→ Exercise requirements: The word "IFCMATERIALLAYERSET" marks the lines to copy; find all of them in the entries below.

Saved entries
┌──

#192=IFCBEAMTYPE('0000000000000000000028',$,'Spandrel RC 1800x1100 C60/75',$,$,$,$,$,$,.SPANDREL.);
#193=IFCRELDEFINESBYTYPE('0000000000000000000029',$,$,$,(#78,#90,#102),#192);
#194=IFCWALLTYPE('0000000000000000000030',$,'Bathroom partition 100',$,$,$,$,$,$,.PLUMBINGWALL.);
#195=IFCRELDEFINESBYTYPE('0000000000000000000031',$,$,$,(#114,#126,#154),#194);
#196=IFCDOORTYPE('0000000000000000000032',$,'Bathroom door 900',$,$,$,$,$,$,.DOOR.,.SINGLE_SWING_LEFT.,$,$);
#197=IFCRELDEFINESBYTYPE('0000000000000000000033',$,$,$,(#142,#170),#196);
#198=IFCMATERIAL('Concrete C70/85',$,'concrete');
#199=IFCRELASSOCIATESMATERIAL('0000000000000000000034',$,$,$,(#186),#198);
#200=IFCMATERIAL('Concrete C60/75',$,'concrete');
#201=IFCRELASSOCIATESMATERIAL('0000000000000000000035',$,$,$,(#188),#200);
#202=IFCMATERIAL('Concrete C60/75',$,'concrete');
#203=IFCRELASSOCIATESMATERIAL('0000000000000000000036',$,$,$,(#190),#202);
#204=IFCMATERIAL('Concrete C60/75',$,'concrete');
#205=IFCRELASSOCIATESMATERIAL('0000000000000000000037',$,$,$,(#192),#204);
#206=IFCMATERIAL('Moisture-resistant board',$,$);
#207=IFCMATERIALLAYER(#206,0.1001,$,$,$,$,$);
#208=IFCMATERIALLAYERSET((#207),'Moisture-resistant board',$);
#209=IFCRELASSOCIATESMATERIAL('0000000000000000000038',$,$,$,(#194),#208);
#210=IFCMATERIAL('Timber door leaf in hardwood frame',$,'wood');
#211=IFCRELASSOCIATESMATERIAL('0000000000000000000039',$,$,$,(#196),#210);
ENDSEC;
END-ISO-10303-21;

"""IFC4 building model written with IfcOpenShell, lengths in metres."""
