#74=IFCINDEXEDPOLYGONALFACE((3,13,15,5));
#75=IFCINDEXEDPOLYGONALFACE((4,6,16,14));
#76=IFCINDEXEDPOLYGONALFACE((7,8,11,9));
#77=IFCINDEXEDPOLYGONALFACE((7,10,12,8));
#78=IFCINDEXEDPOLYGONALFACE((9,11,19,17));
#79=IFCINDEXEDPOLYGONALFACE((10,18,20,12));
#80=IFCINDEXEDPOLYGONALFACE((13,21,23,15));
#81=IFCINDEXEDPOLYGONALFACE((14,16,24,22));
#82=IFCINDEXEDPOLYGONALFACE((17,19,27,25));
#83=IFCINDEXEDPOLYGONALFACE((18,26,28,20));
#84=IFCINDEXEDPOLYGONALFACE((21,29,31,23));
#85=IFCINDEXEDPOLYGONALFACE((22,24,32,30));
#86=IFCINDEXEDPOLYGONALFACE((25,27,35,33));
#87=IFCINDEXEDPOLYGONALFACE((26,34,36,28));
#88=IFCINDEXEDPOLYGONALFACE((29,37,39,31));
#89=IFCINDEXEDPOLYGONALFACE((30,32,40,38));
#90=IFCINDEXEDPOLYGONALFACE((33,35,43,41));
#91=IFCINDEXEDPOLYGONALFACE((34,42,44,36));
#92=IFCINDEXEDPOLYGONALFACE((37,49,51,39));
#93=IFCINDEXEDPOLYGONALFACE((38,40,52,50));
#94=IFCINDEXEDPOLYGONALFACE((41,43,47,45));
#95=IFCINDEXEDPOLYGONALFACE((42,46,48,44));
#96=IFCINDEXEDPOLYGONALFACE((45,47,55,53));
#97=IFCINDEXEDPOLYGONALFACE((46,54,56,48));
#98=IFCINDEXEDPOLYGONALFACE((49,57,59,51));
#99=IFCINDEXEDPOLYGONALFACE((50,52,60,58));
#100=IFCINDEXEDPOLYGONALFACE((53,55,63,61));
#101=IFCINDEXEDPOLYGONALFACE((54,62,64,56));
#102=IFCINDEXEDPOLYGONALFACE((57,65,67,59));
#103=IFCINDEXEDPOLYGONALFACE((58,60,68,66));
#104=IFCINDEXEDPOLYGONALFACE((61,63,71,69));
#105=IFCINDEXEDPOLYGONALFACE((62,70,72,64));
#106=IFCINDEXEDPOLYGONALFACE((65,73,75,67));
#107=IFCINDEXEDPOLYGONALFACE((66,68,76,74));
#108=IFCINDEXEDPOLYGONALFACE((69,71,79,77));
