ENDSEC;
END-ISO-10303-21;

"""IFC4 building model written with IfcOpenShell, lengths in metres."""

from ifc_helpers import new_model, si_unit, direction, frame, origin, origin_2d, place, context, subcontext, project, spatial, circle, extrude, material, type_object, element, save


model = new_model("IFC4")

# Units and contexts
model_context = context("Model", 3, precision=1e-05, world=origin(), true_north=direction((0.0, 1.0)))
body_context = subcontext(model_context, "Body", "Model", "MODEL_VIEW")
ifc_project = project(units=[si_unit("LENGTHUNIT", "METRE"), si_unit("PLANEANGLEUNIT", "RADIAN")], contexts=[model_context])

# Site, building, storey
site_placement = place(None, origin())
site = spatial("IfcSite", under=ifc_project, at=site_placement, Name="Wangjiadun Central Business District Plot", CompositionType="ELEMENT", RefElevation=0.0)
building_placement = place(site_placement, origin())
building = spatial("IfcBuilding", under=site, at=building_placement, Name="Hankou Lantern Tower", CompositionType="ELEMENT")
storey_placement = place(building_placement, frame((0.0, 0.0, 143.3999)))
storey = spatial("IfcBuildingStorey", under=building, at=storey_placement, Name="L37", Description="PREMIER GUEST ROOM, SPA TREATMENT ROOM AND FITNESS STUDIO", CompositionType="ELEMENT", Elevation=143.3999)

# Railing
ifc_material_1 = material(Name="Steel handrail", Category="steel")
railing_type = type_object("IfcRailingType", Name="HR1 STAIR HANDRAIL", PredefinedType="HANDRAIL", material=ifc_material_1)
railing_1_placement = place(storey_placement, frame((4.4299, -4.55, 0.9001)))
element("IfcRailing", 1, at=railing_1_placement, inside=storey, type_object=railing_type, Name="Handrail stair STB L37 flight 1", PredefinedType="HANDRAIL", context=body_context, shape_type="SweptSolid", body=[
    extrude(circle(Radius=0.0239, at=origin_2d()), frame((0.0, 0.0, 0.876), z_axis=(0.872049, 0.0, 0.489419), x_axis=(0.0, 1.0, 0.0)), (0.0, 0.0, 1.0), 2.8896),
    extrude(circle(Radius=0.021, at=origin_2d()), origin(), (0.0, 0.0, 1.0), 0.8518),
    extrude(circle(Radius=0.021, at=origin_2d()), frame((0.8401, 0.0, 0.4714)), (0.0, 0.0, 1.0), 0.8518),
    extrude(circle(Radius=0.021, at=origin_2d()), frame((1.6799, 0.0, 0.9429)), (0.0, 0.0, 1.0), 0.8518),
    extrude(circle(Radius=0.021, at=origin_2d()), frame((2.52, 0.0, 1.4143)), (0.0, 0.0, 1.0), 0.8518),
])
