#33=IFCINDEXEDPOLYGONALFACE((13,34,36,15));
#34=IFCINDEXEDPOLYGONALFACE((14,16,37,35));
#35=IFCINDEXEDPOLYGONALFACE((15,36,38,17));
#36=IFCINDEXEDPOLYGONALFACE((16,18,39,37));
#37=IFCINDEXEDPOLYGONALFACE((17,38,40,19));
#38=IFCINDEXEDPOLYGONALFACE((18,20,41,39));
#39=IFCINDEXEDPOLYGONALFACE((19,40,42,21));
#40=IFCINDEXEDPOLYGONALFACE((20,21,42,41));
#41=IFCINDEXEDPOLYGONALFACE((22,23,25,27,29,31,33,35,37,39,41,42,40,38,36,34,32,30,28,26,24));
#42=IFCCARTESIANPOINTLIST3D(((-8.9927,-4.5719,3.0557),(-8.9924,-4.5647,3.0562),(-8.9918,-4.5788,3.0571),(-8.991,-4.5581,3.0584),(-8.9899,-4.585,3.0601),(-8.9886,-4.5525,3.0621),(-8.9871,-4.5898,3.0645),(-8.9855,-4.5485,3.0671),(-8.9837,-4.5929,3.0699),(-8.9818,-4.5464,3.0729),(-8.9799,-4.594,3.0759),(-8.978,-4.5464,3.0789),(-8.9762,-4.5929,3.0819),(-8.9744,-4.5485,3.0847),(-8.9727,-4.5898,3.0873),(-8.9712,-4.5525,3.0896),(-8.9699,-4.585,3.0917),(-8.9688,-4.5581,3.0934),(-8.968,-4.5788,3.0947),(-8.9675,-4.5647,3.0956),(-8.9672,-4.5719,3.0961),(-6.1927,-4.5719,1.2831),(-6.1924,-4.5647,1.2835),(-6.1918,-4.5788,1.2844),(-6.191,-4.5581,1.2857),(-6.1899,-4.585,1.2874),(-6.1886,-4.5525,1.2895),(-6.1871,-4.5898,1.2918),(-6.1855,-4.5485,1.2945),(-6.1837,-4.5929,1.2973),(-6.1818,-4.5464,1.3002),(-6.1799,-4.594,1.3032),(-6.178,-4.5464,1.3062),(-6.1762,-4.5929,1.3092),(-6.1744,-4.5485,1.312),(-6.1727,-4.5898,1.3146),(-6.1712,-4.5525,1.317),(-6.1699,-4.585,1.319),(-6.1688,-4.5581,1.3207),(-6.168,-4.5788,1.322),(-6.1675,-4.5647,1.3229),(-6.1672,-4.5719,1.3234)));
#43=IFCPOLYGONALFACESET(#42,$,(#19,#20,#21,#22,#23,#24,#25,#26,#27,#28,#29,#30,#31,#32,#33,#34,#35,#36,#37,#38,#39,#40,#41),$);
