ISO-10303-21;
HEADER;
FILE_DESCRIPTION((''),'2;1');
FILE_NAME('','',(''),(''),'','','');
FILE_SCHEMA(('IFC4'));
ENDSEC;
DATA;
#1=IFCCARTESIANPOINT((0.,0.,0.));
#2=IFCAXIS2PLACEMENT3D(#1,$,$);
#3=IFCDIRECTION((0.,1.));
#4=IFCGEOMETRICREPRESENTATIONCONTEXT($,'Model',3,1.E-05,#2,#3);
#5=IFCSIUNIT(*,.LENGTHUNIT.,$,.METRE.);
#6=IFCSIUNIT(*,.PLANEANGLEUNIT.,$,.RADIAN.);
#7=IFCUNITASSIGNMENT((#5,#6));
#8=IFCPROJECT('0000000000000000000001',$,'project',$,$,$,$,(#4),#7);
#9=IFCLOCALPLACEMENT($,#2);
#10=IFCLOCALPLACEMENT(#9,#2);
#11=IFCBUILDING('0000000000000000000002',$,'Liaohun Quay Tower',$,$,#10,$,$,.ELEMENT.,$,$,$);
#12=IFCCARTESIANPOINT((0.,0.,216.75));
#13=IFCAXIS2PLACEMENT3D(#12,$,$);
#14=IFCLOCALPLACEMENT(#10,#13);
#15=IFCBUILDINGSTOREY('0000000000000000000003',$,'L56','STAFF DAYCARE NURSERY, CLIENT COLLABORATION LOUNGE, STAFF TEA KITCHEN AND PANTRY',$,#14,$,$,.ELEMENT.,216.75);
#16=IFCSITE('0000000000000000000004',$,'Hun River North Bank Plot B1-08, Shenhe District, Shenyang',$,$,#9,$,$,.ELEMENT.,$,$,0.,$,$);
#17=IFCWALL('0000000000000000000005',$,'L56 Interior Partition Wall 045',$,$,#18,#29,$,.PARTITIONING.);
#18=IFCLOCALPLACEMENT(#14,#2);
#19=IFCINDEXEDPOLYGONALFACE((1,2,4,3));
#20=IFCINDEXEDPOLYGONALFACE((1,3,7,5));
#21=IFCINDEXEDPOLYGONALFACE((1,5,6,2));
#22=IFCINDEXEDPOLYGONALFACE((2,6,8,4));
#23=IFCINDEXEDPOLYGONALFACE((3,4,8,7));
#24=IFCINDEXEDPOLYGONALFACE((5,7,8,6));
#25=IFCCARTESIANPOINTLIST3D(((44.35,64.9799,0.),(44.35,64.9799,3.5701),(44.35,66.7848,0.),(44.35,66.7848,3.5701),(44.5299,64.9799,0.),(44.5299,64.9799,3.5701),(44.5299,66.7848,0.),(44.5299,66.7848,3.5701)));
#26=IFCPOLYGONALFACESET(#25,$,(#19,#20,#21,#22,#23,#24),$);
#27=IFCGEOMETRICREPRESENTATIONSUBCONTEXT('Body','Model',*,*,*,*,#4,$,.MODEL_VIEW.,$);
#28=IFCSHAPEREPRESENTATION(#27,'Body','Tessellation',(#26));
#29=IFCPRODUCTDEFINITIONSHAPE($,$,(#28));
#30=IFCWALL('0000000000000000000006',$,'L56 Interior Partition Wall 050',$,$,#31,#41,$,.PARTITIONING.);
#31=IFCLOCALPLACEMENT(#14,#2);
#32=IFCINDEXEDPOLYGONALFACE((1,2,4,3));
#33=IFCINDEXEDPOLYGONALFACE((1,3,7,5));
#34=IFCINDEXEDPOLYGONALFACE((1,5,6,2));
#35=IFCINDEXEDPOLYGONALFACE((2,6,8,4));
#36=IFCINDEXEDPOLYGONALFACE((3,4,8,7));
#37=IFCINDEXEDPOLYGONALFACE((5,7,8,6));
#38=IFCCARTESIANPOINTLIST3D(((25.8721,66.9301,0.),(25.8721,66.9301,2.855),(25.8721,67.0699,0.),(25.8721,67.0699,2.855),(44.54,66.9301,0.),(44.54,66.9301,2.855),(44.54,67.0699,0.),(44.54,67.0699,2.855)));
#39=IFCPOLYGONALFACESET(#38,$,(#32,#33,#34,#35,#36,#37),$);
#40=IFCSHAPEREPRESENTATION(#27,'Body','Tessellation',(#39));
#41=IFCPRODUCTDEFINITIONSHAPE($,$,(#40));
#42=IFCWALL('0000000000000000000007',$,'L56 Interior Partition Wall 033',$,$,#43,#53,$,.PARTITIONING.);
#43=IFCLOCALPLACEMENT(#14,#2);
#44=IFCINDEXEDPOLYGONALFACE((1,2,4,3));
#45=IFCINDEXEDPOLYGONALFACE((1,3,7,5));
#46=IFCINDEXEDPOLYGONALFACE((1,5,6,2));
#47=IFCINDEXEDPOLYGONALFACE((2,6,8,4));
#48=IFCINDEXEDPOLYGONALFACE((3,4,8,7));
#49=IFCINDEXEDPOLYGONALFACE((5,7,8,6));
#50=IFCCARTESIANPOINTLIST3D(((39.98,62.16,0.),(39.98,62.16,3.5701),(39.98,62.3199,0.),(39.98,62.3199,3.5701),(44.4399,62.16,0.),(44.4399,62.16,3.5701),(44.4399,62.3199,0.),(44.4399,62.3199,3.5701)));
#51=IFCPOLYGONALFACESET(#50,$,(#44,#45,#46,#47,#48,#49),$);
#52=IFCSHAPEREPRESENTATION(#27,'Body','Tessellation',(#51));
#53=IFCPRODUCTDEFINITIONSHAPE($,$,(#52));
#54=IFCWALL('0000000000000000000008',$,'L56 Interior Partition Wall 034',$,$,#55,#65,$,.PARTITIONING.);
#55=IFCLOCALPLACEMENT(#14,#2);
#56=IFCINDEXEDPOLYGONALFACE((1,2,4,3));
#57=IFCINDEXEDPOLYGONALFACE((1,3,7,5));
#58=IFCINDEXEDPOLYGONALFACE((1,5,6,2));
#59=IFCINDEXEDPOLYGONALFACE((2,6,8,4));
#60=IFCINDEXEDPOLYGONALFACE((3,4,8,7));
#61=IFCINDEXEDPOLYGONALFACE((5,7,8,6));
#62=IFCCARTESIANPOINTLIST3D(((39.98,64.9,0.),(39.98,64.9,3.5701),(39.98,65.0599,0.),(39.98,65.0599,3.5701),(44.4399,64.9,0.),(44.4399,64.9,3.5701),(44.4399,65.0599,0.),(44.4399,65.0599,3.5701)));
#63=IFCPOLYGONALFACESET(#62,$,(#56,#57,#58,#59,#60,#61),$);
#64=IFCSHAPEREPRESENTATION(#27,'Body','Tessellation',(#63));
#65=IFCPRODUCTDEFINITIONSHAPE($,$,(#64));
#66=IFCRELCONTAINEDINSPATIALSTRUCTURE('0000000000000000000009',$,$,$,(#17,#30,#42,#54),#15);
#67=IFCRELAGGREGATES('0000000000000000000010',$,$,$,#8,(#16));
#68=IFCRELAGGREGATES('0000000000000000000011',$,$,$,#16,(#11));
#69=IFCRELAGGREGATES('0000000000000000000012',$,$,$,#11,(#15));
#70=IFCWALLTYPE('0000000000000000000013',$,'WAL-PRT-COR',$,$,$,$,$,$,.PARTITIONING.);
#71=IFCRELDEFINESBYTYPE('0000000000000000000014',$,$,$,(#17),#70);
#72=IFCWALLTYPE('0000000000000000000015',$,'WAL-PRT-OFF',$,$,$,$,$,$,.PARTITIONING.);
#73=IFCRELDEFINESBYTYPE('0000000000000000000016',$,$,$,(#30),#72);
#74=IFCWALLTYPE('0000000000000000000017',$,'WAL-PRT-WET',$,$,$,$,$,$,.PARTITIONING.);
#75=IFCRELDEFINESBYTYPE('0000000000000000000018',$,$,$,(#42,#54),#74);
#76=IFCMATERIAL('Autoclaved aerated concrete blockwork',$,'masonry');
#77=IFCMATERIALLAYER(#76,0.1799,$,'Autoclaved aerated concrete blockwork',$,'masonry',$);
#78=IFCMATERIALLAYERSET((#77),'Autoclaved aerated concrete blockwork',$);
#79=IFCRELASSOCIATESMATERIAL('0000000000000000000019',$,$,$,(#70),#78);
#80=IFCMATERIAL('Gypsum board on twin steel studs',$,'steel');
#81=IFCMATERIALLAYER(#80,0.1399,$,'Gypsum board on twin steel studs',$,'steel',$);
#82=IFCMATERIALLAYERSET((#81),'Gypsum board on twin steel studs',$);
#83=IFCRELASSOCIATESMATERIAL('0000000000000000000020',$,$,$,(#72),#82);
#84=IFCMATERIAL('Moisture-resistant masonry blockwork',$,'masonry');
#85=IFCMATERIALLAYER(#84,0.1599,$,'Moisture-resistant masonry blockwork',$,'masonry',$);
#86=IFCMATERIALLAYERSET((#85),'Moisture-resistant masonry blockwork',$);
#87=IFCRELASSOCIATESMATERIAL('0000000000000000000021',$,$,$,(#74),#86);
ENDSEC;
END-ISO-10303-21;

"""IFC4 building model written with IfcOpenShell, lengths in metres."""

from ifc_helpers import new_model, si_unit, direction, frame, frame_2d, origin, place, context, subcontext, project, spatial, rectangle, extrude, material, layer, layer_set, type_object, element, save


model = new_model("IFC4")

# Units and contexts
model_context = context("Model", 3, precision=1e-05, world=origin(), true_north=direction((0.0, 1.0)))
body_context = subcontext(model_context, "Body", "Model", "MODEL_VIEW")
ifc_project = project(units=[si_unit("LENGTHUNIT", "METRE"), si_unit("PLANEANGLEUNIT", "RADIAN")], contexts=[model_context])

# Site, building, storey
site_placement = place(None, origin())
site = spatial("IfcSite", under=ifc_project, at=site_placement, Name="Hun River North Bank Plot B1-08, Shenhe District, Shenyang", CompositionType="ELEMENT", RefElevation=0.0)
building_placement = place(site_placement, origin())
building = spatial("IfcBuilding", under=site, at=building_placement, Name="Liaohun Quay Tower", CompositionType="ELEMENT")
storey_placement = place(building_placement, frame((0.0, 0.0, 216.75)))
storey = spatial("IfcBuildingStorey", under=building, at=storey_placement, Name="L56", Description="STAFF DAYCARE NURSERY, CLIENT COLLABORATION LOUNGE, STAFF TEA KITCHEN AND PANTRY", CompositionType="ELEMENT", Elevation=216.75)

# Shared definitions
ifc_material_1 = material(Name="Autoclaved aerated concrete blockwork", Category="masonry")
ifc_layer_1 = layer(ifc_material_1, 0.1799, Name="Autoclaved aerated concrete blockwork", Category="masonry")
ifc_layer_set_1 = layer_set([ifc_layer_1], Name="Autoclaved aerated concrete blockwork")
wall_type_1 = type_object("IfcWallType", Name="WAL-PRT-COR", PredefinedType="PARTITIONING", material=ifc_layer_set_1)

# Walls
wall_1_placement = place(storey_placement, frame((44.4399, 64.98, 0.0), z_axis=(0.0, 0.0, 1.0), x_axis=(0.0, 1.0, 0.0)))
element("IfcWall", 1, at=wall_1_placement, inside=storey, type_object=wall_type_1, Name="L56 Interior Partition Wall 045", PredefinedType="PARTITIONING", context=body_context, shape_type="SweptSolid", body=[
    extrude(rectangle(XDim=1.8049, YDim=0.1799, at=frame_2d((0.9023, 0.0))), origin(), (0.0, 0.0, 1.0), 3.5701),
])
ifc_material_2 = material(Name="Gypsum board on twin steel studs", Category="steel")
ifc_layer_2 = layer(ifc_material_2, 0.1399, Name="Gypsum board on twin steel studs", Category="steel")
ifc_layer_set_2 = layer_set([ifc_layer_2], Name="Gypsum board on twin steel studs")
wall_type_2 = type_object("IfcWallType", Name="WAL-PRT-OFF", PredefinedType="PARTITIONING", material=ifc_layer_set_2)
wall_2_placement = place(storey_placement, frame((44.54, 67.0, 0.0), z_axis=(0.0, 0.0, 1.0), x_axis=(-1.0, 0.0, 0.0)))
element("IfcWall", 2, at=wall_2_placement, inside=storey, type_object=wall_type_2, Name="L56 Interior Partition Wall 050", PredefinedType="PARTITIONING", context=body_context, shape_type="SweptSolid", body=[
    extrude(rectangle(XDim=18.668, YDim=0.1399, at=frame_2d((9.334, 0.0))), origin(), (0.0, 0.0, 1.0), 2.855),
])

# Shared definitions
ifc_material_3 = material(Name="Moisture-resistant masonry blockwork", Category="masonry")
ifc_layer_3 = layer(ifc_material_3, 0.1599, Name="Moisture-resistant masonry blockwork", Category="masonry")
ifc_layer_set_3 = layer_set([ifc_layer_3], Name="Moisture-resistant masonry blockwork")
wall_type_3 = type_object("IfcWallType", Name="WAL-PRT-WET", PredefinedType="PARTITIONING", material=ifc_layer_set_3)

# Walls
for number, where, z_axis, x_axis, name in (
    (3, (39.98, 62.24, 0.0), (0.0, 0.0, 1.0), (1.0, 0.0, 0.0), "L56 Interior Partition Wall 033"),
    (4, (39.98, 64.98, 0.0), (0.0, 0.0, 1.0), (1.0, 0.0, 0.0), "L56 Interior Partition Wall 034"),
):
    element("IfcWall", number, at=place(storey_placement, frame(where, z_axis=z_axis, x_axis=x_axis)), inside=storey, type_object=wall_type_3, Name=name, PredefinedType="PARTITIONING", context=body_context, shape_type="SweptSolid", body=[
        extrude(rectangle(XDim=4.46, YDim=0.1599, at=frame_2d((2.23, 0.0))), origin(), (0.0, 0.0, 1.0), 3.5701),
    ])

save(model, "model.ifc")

└──

→ Exercise response:
#208=IFCMATERIALLAYERSET((#207),'Moisture-resistant board',$);
#78=IFCMATERIALLAYERSET((#77),'Autoclaved aerated concrete blockwork',$);
#82=IFCMATERIALLAYERSET((#81),'Gypsum board on twin steel studs',$);
#86=IFCMATERIALLAYERSET((#85),'Moisture-resistant masonry blockwork',$);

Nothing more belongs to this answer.